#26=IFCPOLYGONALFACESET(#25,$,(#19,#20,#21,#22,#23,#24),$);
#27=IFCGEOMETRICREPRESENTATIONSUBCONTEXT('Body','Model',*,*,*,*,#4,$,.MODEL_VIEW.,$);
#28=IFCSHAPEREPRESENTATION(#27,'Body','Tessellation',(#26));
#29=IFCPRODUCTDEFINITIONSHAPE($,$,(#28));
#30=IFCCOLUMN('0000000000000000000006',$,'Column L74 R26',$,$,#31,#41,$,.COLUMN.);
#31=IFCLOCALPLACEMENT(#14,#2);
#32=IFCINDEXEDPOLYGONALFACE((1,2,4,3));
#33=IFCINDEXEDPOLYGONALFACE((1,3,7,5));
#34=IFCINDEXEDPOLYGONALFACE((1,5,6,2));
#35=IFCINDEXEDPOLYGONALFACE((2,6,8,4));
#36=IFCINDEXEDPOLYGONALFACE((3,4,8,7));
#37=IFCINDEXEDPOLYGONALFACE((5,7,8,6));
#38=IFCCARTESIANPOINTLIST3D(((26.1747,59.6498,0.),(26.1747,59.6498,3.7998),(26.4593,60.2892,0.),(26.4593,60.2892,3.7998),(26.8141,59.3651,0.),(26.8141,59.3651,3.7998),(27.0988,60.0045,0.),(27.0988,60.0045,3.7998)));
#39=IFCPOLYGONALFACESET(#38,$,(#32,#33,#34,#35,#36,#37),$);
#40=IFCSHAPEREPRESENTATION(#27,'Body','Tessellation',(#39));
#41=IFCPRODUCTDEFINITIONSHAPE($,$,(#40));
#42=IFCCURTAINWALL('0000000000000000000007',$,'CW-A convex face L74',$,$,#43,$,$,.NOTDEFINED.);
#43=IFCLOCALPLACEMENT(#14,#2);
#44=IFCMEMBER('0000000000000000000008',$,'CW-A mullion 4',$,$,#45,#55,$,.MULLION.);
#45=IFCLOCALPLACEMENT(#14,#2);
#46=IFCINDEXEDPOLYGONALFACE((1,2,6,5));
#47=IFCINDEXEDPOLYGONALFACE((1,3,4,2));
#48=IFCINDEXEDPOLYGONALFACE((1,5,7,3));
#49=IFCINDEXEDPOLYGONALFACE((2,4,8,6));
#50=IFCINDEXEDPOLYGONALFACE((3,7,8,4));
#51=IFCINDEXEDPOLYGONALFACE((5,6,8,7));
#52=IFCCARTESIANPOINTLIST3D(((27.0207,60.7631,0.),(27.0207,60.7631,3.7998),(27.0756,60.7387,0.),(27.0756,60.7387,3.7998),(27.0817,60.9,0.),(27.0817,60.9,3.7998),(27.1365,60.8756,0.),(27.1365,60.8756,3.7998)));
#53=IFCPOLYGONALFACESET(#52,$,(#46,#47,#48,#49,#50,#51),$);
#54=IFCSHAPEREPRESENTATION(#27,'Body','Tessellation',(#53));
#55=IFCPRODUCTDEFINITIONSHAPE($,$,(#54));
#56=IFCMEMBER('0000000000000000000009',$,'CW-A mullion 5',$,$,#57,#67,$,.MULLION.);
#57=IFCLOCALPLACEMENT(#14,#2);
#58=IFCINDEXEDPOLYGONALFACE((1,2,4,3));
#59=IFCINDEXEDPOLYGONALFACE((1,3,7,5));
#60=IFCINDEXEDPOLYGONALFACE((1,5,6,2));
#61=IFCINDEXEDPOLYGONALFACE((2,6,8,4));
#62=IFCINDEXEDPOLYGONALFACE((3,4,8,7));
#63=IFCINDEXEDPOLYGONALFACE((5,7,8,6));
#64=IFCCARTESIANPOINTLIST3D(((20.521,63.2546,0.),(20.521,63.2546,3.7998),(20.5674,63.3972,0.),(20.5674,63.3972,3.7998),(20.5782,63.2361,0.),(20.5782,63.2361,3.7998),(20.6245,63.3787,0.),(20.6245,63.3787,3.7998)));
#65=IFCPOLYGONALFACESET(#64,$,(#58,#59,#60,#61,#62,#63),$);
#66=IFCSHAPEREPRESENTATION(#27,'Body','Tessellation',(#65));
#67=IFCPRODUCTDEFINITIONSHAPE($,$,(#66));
---
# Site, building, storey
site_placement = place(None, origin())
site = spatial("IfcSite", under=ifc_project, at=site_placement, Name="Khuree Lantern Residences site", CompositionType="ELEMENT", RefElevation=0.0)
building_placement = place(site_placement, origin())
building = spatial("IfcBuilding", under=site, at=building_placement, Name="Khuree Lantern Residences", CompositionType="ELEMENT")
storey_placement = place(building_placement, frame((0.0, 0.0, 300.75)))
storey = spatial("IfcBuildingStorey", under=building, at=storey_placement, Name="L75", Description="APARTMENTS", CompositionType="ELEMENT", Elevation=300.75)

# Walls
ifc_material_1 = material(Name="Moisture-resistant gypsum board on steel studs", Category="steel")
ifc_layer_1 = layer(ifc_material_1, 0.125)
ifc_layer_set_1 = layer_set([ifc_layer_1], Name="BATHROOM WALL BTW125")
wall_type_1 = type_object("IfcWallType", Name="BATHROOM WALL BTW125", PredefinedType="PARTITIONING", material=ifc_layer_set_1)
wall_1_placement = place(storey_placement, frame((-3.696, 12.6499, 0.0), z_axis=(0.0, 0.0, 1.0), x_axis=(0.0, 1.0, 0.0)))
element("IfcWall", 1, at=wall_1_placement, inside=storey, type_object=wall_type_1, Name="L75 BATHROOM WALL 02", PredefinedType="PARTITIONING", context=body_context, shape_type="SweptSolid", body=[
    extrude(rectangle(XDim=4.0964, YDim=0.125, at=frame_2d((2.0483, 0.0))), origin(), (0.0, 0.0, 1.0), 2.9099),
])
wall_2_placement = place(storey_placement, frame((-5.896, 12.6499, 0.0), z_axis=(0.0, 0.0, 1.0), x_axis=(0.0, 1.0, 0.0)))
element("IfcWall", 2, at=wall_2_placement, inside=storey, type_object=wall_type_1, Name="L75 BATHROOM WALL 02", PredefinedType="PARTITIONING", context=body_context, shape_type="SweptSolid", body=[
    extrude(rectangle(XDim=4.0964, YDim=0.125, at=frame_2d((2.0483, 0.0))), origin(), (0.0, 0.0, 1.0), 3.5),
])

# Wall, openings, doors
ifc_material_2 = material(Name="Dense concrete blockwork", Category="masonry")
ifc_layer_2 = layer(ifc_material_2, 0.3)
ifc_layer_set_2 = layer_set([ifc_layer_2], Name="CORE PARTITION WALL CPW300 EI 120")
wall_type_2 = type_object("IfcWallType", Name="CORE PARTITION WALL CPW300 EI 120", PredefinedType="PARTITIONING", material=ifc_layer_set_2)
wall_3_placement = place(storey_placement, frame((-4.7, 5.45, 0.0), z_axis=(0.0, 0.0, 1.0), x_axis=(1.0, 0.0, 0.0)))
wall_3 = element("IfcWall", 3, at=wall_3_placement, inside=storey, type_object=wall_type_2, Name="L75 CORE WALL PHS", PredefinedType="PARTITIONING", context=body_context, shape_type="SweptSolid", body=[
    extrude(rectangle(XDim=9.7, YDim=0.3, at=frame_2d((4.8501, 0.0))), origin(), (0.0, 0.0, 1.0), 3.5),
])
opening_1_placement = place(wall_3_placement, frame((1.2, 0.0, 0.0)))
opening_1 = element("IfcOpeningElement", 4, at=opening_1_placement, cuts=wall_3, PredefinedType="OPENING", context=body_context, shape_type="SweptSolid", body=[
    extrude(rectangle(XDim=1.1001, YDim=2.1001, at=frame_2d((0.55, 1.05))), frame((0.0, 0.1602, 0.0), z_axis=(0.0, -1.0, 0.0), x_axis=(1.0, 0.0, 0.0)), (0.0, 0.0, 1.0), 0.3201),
==
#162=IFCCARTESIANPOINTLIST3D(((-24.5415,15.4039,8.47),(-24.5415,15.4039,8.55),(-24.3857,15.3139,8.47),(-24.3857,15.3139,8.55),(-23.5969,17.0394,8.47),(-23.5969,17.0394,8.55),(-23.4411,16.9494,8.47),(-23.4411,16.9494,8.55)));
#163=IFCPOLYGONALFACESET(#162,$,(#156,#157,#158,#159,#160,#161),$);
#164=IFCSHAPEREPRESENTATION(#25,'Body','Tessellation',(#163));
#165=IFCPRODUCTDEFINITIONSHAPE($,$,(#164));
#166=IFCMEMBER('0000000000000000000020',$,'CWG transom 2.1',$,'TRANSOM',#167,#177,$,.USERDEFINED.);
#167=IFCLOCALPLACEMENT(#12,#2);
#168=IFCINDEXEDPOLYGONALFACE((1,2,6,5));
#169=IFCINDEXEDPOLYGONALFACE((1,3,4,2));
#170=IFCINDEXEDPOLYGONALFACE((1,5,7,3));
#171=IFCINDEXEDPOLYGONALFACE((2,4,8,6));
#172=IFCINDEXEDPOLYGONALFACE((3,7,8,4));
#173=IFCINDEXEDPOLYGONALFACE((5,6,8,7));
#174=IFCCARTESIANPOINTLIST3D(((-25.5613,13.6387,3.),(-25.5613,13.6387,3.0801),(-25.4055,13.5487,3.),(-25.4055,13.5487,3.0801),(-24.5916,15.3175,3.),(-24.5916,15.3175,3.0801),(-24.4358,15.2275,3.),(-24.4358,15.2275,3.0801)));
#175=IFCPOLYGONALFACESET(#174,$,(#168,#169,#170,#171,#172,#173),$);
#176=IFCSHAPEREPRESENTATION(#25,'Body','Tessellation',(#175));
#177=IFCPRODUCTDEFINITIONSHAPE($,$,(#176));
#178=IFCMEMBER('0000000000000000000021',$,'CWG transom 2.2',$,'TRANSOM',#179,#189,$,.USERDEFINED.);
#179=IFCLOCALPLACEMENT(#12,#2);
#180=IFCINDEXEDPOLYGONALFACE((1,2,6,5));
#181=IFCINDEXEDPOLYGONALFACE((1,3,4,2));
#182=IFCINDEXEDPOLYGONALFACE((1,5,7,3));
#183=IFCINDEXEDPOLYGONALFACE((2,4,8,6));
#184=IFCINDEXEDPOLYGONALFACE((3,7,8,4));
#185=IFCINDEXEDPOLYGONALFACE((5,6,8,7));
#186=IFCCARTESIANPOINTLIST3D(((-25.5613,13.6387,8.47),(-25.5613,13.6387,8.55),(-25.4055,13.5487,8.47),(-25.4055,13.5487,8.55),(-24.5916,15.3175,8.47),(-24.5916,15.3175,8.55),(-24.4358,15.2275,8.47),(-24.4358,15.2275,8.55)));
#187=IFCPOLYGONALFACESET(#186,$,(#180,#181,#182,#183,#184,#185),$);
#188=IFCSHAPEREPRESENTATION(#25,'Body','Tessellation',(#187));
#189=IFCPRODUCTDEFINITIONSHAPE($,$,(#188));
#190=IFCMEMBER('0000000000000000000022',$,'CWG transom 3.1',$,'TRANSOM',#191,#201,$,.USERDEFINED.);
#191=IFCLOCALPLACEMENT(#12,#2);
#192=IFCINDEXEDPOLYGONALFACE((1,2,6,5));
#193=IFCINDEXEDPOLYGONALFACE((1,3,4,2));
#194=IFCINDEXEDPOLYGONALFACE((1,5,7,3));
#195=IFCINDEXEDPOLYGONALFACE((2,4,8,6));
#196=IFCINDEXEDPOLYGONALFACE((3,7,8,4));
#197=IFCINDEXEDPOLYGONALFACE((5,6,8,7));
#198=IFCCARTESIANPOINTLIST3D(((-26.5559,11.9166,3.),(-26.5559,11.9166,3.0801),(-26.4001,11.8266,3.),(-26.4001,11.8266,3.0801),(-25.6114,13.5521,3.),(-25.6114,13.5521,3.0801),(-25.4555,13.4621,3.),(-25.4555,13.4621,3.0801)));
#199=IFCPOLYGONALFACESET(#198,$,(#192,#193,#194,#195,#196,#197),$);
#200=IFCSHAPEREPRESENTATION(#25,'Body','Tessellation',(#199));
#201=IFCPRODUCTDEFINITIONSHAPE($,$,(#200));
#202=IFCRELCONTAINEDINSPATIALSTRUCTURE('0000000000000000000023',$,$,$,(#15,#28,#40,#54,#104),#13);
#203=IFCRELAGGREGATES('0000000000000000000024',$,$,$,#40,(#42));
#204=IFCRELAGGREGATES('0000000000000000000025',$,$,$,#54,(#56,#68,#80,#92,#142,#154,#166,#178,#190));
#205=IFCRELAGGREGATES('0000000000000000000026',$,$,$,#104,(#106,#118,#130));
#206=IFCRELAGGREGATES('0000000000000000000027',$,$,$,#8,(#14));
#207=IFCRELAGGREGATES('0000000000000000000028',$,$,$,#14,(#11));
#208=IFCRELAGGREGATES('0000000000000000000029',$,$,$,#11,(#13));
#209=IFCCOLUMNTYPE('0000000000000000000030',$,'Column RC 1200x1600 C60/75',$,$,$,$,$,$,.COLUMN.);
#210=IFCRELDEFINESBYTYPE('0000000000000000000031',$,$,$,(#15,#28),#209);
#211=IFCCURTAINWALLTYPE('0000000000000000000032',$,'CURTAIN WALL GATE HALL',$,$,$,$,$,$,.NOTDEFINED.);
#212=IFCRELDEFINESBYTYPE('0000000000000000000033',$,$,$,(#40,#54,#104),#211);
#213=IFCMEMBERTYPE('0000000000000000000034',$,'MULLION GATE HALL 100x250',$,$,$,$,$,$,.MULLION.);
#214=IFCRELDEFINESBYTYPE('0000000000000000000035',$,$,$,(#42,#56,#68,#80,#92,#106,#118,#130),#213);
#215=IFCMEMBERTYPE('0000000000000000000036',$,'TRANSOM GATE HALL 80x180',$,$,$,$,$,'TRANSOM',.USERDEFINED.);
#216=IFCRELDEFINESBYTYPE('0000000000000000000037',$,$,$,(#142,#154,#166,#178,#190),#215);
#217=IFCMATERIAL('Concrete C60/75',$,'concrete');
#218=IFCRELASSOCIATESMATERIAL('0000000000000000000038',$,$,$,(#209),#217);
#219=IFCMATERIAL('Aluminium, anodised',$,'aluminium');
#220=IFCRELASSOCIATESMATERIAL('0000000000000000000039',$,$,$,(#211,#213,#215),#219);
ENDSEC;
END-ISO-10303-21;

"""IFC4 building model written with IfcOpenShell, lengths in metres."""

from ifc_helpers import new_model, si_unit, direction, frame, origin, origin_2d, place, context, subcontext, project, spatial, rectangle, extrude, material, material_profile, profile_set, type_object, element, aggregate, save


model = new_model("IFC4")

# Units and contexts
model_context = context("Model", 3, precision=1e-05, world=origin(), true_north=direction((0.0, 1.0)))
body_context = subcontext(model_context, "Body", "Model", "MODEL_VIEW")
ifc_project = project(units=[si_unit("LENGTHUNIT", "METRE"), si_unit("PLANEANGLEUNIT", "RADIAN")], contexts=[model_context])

■ **Task objective**
Wherever the word "Category" appears in the listing above, copy the whole line.

■ **Your response**
ifc_material_1 = material(Name="Moisture-resistant gypsum board on steel studs", Category="steel")
ifc_material_2 = material(Name="Dense concrete blockwork", Category="masonry")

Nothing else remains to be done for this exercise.